++++ Exercise data

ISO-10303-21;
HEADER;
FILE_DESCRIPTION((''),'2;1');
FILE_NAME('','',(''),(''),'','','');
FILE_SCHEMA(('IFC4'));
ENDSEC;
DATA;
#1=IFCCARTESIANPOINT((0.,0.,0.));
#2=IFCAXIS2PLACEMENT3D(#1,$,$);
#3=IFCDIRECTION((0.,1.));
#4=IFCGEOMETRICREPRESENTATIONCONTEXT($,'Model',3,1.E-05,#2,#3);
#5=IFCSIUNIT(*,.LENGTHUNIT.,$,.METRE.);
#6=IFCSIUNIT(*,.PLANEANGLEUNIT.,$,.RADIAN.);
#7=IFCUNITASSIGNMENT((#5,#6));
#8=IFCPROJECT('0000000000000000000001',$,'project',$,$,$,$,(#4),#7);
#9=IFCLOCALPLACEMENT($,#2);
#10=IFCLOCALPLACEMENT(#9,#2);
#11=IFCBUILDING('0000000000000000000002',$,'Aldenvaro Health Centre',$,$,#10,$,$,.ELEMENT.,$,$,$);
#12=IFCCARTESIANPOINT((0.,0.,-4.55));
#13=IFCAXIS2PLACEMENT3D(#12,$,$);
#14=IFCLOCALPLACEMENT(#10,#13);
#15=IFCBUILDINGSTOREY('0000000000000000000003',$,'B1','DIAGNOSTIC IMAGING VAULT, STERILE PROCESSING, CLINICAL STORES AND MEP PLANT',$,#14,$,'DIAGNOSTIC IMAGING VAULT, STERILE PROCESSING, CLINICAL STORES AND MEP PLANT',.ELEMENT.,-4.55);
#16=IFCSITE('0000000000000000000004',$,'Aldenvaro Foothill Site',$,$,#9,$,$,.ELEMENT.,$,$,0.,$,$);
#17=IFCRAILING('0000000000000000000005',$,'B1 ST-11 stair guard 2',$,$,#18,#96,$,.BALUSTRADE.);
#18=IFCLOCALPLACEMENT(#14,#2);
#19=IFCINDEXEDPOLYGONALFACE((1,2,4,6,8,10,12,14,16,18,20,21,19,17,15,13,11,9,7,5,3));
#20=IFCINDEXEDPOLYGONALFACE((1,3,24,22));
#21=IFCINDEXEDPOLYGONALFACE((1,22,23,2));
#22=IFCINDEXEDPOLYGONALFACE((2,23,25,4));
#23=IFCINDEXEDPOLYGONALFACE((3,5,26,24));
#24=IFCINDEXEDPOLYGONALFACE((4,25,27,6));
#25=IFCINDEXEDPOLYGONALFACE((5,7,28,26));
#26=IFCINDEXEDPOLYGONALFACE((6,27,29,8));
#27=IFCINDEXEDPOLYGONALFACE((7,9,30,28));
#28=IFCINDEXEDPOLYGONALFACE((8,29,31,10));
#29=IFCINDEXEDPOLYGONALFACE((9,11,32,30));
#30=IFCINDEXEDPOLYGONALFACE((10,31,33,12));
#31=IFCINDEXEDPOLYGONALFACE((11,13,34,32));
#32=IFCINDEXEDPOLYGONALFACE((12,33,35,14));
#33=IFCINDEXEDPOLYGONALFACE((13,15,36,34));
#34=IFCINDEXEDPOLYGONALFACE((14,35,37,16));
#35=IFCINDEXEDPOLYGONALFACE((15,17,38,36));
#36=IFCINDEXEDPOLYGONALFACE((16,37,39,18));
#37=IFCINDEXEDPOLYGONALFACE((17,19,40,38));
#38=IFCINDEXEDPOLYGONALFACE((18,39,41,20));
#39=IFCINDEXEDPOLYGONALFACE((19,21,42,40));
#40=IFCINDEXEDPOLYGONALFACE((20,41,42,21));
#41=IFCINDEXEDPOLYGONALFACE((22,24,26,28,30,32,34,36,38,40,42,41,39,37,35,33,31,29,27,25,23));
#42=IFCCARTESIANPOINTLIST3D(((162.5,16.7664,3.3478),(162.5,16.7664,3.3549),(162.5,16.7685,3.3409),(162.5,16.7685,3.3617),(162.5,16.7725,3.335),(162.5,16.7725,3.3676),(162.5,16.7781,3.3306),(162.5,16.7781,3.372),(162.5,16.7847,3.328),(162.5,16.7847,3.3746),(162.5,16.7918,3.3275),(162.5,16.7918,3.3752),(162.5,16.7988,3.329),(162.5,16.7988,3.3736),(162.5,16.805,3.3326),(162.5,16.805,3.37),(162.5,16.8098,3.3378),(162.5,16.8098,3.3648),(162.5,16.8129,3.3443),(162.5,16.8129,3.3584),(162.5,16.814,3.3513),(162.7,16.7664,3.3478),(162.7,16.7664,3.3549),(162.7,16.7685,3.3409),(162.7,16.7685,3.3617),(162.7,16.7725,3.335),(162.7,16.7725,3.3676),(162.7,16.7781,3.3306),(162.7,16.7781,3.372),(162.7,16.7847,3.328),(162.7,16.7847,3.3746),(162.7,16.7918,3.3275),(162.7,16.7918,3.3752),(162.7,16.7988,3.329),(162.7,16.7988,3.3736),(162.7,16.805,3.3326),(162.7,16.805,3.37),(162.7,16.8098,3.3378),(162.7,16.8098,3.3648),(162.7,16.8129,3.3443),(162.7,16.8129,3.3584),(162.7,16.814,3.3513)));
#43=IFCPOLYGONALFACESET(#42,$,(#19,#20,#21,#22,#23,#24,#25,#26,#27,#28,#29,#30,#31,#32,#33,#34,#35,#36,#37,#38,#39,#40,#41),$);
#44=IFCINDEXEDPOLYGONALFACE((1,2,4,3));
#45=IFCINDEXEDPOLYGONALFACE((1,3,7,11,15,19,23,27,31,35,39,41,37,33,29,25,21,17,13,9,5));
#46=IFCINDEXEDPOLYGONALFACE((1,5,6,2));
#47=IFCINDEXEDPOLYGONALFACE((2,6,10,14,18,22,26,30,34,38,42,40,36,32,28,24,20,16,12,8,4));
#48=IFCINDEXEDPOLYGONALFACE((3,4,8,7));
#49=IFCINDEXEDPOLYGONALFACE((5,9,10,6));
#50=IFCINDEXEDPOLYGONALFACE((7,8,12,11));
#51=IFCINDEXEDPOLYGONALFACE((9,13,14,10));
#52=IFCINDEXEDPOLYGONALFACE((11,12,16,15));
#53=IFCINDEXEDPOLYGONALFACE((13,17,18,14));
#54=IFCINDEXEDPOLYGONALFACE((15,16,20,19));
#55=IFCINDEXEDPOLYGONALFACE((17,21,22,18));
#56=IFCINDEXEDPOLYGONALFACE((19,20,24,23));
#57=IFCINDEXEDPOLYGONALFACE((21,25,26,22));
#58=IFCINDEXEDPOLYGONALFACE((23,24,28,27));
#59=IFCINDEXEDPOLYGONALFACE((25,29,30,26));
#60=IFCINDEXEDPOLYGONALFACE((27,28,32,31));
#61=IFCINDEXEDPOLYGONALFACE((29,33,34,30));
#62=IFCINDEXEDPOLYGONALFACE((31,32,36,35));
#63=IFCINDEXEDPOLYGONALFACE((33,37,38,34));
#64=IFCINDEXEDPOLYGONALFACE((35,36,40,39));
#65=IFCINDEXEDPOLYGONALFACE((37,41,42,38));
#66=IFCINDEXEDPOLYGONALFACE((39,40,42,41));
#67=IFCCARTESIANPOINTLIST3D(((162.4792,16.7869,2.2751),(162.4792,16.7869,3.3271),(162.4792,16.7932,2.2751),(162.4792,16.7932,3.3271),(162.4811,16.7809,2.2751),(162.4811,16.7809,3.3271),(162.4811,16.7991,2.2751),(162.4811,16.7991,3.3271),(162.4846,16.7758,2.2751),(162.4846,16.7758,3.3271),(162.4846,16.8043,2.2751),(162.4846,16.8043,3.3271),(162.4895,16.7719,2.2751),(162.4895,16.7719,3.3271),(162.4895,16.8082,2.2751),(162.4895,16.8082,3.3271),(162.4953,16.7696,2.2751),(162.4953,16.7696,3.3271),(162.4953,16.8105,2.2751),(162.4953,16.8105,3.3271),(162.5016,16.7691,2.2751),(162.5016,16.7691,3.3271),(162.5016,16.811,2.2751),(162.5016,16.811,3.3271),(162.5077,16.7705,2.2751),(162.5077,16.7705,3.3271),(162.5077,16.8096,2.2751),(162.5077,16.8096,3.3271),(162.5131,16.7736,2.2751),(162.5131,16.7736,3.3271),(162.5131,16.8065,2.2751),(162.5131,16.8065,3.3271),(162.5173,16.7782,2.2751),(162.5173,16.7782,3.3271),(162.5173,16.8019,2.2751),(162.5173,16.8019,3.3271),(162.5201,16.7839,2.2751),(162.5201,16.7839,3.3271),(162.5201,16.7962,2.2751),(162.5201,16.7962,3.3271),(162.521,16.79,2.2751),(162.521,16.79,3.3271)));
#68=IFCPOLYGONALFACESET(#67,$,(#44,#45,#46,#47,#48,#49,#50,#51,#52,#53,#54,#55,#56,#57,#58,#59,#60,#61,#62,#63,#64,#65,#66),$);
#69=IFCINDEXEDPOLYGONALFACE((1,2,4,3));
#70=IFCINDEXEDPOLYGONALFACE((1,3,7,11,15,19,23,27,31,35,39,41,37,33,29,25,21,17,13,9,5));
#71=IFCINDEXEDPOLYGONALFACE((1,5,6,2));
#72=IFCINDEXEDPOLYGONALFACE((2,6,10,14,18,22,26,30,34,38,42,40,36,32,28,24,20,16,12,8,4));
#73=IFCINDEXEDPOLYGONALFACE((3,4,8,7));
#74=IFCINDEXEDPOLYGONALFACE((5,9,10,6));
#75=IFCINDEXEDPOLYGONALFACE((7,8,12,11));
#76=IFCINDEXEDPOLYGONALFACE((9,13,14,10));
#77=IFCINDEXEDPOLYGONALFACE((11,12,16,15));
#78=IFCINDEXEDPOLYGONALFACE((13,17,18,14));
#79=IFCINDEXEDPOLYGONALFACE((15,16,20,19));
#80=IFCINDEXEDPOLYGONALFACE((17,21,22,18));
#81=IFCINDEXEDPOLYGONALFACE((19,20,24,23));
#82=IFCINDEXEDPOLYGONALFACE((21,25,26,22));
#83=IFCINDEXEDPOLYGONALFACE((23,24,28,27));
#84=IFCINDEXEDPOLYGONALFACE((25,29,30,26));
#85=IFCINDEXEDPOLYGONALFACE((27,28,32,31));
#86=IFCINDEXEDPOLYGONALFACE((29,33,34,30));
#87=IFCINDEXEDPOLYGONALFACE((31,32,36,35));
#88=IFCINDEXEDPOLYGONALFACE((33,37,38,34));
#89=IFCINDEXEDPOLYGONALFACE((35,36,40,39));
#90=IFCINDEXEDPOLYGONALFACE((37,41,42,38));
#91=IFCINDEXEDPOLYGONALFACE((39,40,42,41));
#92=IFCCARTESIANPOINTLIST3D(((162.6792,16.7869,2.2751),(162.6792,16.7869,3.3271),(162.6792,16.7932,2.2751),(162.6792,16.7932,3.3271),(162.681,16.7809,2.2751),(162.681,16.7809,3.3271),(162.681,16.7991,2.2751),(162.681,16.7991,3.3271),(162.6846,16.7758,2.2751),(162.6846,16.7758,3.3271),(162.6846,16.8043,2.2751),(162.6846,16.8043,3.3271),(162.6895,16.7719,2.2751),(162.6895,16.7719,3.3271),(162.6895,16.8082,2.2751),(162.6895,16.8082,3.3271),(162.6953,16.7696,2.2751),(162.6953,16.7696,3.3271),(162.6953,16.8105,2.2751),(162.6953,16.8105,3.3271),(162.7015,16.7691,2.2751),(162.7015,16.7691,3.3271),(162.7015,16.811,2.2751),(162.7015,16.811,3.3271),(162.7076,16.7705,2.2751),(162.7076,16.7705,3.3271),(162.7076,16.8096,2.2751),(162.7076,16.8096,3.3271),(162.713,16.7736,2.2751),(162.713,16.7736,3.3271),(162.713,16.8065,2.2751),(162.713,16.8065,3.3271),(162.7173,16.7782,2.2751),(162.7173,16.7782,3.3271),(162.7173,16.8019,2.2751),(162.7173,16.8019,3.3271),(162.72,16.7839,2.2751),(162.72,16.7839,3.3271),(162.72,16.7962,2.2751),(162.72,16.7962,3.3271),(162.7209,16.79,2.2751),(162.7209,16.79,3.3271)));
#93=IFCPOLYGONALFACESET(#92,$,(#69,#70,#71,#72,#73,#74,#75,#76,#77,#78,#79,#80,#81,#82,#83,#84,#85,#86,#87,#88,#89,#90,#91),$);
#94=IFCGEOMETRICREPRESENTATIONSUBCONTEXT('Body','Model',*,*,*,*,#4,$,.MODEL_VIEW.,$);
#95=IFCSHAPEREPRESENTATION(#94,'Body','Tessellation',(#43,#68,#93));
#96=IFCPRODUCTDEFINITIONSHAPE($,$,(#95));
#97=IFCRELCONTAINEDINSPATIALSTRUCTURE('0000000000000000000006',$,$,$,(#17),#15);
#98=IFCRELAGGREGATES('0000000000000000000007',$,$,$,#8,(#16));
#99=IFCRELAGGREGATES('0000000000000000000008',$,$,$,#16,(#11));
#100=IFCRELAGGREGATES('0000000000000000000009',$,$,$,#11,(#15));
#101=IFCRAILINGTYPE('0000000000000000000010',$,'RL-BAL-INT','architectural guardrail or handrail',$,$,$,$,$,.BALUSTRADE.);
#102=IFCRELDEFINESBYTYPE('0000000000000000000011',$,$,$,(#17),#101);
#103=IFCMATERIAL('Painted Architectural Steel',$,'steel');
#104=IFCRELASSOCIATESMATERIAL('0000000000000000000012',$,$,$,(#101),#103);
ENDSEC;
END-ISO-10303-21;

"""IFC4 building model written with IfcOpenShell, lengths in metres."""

from ifc_helpers import new_model, si_unit, direction, frame, origin, origin_2d, place, context, subcontext, project, spatial, circle, extrude, material, type_object, element, save


model = new_model("IFC4")

# Units and contexts
model_context = context("Model", 3, precision=1e-05, world=origin(), true_north=direction((0.0, 1.0)))
body_context = subcontext(model_context, "Body", "Model", "MODEL_VIEW")
ifc_project = project(units=[si_unit("LENGTHUNIT", "METRE"), si_unit("PLANEANGLEUNIT", "RADIAN")], contexts=[model_context])

# Site, building, storey
site_placement = place(None, origin())
site = spatial("IfcSite", under=ifc_project, at=site_placement, Name="Aldenvaro Foothill Site", CompositionType="ELEMENT", RefElevation=0.0)
building_placement = place(site_placement, origin())
building = spatial("IfcBuilding", under=site, at=building_placement, Name="Aldenvaro Health Centre", CompositionType="ELEMENT")
storey_placement = place(building_placement, frame((0.0, 0.0, -4.55)))
storey = spatial("IfcBuildingStorey", under=building, at=storey_placement, Name="B1", Description="DIAGNOSTIC IMAGING VAULT, STERILE PROCESSING, CLINICAL STORES AND MEP PLANT", LongName="DIAGNOSTIC IMAGING VAULT, STERILE PROCESSING, CLINICAL STORES AND MEP PLANT", CompositionType="ELEMENT", Elevation=-4.55)

# Railing
ifc_material_1 = material(Name="Painted Architectural Steel", Category="steel")
railing_type = type_object("IfcRailingType", Name="RL-BAL-INT", Description="architectural guardrail or handrail", PredefinedType="BALUSTRADE", material=ifc_material_1)
railing_placement = place(storey_placement, frame((162.5, 16.79, 2.2751)))
element("IfcRailing", 1, at=railing_placement, inside=storey, type_object=railing_type, Name="B1 ST-11 stair guard 2", PredefinedType="BALUSTRADE", context=body_context, shape_type="SweptSolid", body=[
    extrude(circle(Radius=0.0239, at=origin_2d()), frame((0.0, 0.0, 1.0762), z_axis=(1.0, 0.0, 0.0), x_axis=(0.0, 1.0, 0.0)), (0.0, 0.0, 1.0), 0.2),
    extrude(circle(Radius=0.021, at=origin_2d()), origin(), (0.0, 0.0, 1.0), 1.052),
    extrude(circle(Radius=0.021, at=origin_2d()), frame((0.2, 0.0, 0.0)), (0.0, 0.0, 1.0), 1.052),
])

save(model, "model.ifc")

++++++++

Directions >>
Please retype, with no changes, the lines that run from the first line of the entries to the line with "#32=IFCINDEXEDPOLYGONALFACE((12,33,35,14));", both ends included.

Answer space >>
ISO-10303-21;
HEADER;
FILE_DESCRIPTION((''),'2;1');
FILE_NAME('','',(''),(''),'','','');
FILE_SCHEMA(('IFC4'));
ENDSEC;
DATA;
#1=IFCCARTESIANPOINT((0.,0.,0.));
#2=IFCAXIS2PLACEMENT3D(#1,$,$);
#3=IFCDIRECTION((0.,1.));
#4=IFCGEOMETRICREPRESENTATIONCONTEXT($,'Model',3,1.E-05,#2,#3);
#5=IFCSIUNIT(*,.LENGTHUNIT.,$,.METRE.);
#6=IFCSIUNIT(*,.PLANEANGLEUNIT.,$,.RADIAN.);
#7=IFCUNITASSIGNMENT((#5,#6));
#8=IFCPROJECT('0000000000000000000001',$,'project',$,$,$,$,(#4),#7);
#9=IFCLOCALPLACEMENT($,#2);
#10=IFCLOCALPLACEMENT(#9,#2);
#11=IFCBUILDING('0000000000000000000002',$,'Aldenvaro Health Centre',$,$,#10,$,$,.ELEMENT.,$,$,$);
#12=IFCCARTESIANPOINT((0.,0.,-4.55));
#13=IFCAXIS2PLACEMENT3D(#12,$,$);
#14=IFCLOCALPLACEMENT(#10,#13);
#15=IFCBUILDINGSTOREY('0000000000000000000003',$,'B1','DIAGNOSTIC IMAGING VAULT, STERILE PROCESSING, CLINICAL STORES AND MEP PLANT',$,#14,$,'DIAGNOSTIC IMAGING VAULT, STERILE PROCESSING, CLINICAL STORES AND MEP PLANT',.ELEMENT.,-4.55);
#16=IFCSITE('0000000000000000000004',$,'Aldenvaro Foothill Site',$,$,#9,$,$,.ELEMENT.,$,$,0.,$,$);
#17=IFCRAILING('0000000000000000000005',$,'B1 ST-11 stair guard 2',$,$,#18,#96,$,.BALUSTRADE.);
#18=IFCLOCALPLACEMENT(#14,#2);
#19=IFCINDEXEDPOLYGONALFACE((1,2,4,6,8,10,12,14,16,18,20,21,19,17,15,13,11,9,7,5,3));
#20=IFCINDEXEDPOLYGONALFACE((1,3,24,22));
#21=IFCINDEXEDPOLYGONALFACE((1,22,23,2));
#22=IFCINDEXEDPOLYGONALFACE((2,23,25,4));
#23=IFCINDEXEDPOLYGONALFACE((3,5,26,24));
#24=IFCINDEXEDPOLYGONALFACE((4,25,27,6));
#25=IFCINDEXEDPOLYGONALFACE((5,7,28,26));
#26=IFCINDEXEDPOLYGONALFACE((6,27,29,8));
#27=IFCINDEXEDPOLYGONALFACE((7,9,30,28));
#28=IFCINDEXEDPOLYGONALFACE((8,29,31,10));
#29=IFCINDEXEDPOLYGONALFACE((9,11,32,30));
#30=IFCINDEXEDPOLYGONALFACE((10,31,33,12));
#31=IFCINDEXEDPOLYGONALFACE((11,13,34,32));
#32=IFCINDEXEDPOLYGONALFACE((12,33,35,14));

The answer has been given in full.